*What is needed*: Nothing is to be left out; print all the entries exactly.

*Task inputs*:
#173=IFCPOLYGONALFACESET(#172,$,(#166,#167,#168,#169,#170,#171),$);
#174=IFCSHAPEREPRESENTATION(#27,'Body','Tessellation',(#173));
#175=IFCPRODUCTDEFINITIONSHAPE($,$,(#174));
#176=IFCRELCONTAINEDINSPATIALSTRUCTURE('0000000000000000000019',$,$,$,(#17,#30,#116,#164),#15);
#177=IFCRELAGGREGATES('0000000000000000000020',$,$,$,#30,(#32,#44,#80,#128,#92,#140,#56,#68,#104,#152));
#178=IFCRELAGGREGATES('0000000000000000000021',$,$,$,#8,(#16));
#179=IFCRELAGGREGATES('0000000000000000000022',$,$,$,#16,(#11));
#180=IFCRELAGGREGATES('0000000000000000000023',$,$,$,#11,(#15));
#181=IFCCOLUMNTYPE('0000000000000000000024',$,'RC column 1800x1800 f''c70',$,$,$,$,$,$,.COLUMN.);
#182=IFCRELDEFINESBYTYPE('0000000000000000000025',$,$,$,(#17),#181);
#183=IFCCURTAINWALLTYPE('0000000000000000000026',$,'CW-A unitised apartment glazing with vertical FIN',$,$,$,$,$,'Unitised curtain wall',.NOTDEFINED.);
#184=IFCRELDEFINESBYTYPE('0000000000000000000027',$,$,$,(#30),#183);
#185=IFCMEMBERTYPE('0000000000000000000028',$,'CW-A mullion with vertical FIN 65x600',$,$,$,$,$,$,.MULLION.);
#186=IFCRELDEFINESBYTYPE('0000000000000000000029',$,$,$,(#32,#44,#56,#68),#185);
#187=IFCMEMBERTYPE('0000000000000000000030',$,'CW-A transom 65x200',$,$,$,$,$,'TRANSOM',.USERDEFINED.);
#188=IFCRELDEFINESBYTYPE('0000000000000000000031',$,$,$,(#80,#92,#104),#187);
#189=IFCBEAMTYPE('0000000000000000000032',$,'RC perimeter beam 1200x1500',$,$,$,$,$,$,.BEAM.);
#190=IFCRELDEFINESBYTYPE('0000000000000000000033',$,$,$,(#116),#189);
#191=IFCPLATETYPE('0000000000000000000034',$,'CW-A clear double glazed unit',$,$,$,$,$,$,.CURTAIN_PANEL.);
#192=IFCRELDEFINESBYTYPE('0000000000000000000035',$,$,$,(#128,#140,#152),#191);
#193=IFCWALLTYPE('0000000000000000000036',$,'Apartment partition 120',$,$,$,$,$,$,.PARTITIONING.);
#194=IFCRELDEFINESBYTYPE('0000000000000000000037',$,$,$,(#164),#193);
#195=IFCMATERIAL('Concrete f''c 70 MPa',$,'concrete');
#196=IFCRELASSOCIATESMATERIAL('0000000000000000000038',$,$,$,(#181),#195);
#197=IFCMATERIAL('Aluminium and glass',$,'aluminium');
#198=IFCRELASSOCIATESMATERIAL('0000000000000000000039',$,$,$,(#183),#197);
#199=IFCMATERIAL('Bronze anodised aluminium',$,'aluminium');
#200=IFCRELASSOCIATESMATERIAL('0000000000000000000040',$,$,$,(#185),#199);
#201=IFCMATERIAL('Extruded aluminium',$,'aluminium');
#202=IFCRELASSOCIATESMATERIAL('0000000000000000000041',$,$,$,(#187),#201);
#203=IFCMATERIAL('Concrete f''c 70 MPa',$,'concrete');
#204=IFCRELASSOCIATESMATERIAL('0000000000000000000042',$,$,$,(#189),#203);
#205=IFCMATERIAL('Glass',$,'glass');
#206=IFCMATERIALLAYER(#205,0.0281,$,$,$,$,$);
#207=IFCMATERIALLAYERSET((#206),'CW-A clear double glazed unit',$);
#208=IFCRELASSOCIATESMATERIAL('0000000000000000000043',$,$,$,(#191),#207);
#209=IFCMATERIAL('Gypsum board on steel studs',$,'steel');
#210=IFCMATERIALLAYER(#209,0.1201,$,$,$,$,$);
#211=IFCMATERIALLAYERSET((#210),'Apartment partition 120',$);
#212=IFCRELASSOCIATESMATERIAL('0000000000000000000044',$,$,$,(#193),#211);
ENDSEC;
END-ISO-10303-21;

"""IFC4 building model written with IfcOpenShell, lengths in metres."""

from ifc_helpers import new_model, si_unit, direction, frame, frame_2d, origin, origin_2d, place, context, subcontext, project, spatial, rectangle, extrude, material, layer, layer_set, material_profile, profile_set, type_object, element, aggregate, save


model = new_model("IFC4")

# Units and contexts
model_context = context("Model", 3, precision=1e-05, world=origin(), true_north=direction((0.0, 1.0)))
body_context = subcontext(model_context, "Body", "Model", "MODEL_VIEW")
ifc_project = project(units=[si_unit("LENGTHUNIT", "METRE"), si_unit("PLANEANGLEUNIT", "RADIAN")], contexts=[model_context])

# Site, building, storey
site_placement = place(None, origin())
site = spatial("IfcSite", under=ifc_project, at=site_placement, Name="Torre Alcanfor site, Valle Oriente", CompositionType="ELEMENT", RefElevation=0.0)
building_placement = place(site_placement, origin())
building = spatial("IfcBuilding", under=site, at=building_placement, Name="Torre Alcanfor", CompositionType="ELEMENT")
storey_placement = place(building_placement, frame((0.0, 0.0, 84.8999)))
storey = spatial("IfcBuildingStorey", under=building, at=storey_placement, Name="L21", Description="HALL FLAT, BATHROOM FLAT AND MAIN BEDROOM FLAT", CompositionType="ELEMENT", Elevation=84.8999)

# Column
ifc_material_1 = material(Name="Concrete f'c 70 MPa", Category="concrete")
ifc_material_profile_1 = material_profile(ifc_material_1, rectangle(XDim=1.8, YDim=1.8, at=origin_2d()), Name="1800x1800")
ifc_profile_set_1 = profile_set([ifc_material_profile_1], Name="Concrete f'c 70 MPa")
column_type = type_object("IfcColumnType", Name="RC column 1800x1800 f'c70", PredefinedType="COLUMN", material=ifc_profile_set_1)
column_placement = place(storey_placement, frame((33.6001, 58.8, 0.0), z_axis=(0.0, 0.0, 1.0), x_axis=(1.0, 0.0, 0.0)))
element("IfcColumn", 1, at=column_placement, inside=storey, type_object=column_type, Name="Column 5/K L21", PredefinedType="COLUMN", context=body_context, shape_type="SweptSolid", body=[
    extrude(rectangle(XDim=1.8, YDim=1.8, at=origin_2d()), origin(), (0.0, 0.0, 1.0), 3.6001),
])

*Solution to the exercise*:
#173=IFCPOLYGONALFACESET(#172,$,(#166,#167,#168,#169,#170,#171),$);
#174=IFCSHAPEREPRESENTATION(#27,'Body','Tessellation',(#173));
#175=IFCPRODUCTDEFINITIONSHAPE($,$,(#174));
#176=IFCRELCONTAINEDINSPATIALSTRUCTURE('0000000000000000000019',$,$,$,(#17,#30,#116,#164),#15);
#177=IFCRELAGGREGATES('0000000000000000000020',$,$,$,#30,(#32,#44,#80,#128,#92,#140,#56,#68,#104,#152));
#178=IFCRELAGGREGATES('0000000000000000000021',$,$,$,#8,(#16));
#179=IFCRELAGGREGATES('0000000000000000000022',$,$,$,#16,(#11));
#180=IFCRELAGGREGATES('0000000000000000000023',$,$,$,#11,(#15));
#181=IFCCOLUMNTYPE('0000000000000000000024',$,'RC column 1800x1800 f''c70',$,$,$,$,$,$,.COLUMN.);
#182=IFCRELDEFINESBYTYPE('0000000000000000000025',$,$,$,(#17),#181);
#183=IFCCURTAINWALLTYPE('0000000000000000000026',$,'CW-A unitised apartment glazing with vertical FIN',$,$,$,$,$,'Unitised curtain wall',.NOTDEFINED.);
#184=IFCRELDEFINESBYTYPE('0000000000000000000027',$,$,$,(#30),#183);
#185=IFCMEMBERTYPE('0000000000000000000028',$,'CW-A mullion with vertical FIN 65x600',$,$,$,$,$,$,.MULLION.);
#186=IFCRELDEFINESBYTYPE('0000000000000000000029',$,$,$,(#32,#44,#56,#68),#185);
#187=IFCMEMBERTYPE('0000000000000000000030',$,'CW-A transom 65x200',$,$,$,$,$,'TRANSOM',.USERDEFINED.);
#188=IFCRELDEFINESBYTYPE('0000000000000000000031',$,$,$,(#80,#92,#104),#187);
#189=IFCBEAMTYPE('0000000000000000000032',$,'RC perimeter beam 1200x1500',$,$,$,$,$,$,.BEAM.);
#190=IFCRELDEFINESBYTYPE('0000000000000000000033',$,$,$,(#116),#189);
#191=IFCPLATETYPE('0000000000000000000034',$,'CW-A clear double glazed unit',$,$,$,$,$,$,.CURTAIN_PANEL.);
#192=IFCRELDEFINESBYTYPE('0000000000000000000035',$,$,$,(#128,#140,#152),#191);
#193=IFCWALLTYPE('0000000000000000000036',$,'Apartment partition 120',$,$,$,$,$,$,.PARTITIONING.);
#194=IFCRELDEFINESBYTYPE('0000000000000000000037',$,$,$,(#164),#193);
#195=IFCMATERIAL('Concrete f''c 70 MPa',$,'concrete');
#196=IFCRELASSOCIATESMATERIAL('0000000000000000000038',$,$,$,(#181),#195);
#197=IFCMATERIAL('Aluminium and glass',$,'aluminium');
#198=IFCRELASSOCIATESMATERIAL('0000000000000000000039',$,$,$,(#183),#197);
#199=IFCMATERIAL('Bronze anodised aluminium',$,'aluminium');
#200=IFCRELASSOCIATESMATERIAL('0000000000000000000040',$,$,$,(#185),#199);
#201=IFCMATERIAL('Extruded aluminium',$,'aluminium');
#202=IFCRELASSOCIATESMATERIAL('0000000000000000000041',$,$,$,(#187),#201);
#203=IFCMATERIAL('Concrete f''c 70 MPa',$,'concrete');
#204=IFCRELASSOCIATESMATERIAL('0000000000000000000042',$,$,$,(#189),#203);
#205=IFCMATERIAL('Glass',$,'glass');
#206=IFCMATERIALLAYER(#205,0.0281,$,$,$,$,$);
#207=IFCMATERIALLAYERSET((#206),'CW-A clear double glazed unit',$);
#208=IFCRELASSOCIATESMATERIAL('0000000000000000000043',$,$,$,(#191),#207);
#209=IFCMATERIAL('Gypsum board on steel studs',$,'steel');
#210=IFCMATERIALLAYER(#209,0.1201,$,$,$,$,$);
#211=IFCMATERIALLAYERSET((#210),'Apartment partition 120',$);
#212=IFCRELASSOCIATESMATERIAL('0000000000000000000044',$,$,$,(#193),#211);
ENDSEC;
END-ISO-10303-21;

"""IFC4 building model written with IfcOpenShell, lengths in metres."""

from ifc_helpers import new_model, si_unit, direction, frame, frame_2d, origin, origin_2d, place, context, subcontext, project, spatial, rectangle, extrude, material, layer, layer_set, material_profile, profile_set, type_object, element, aggregate, save


model = new_model("IFC4")

# Units and contexts
model_context = context("Model", 3, precision=1e-05, world=origin(), true_north=direction((0.0, 1.0)))
body_context = subcontext(model_context, "Body", "Model", "MODEL_VIEW")
ifc_project = project(units=[si_unit("LENGTHUNIT", "METRE"), si_unit("PLANEANGLEUNIT", "RADIAN")], contexts=[model_context])

# Site, building, storey
site_placement = place(None, origin())
site = spatial("IfcSite", under=ifc_project, at=site_placement, Name="Torre Alcanfor site, Valle Oriente", CompositionType="ELEMENT", RefElevation=0.0)
building_placement = place(site_placement, origin())
building = spatial("IfcBuilding", under=site, at=building_placement, Name="Torre Alcanfor", CompositionType="ELEMENT")
storey_placement = place(building_placement, frame((0.0, 0.0, 84.8999)))
storey = spatial("IfcBuildingStorey", under=building, at=storey_placement, Name="L21", Description="HALL FLAT, BATHROOM FLAT AND MAIN BEDROOM FLAT", CompositionType="ELEMENT", Elevation=84.8999)

# Column
ifc_material_1 = material(Name="Concrete f'c 70 MPa", Category="concrete")
ifc_material_profile_1 = material_profile(ifc_material_1, rectangle(XDim=1.8, YDim=1.8, at=origin_2d()), Name="1800x1800")
ifc_profile_set_1 = profile_set([ifc_material_profile_1], Name="Concrete f'c 70 MPa")
column_type = type_object("IfcColumnType", Name="RC column 1800x1800 f'c70", PredefinedType="COLUMN", material=ifc_profile_set_1)
column_placement = place(storey_placement, frame((33.6001, 58.8, 0.0), z_axis=(0.0, 0.0, 1.0), x_axis=(1.0, 0.0, 0.0)))
element("IfcColumn", 1, at=column_placement, inside=storey, type_object=column_type, Name="Column 5/K L21", PredefinedType="COLUMN", context=body_context, shape_type="SweptSolid", body=[
    extrude(rectangle(XDim=1.8, YDim=1.8, at=origin_2d()), origin(), (0.0, 0.0, 1.0), 3.6001),
])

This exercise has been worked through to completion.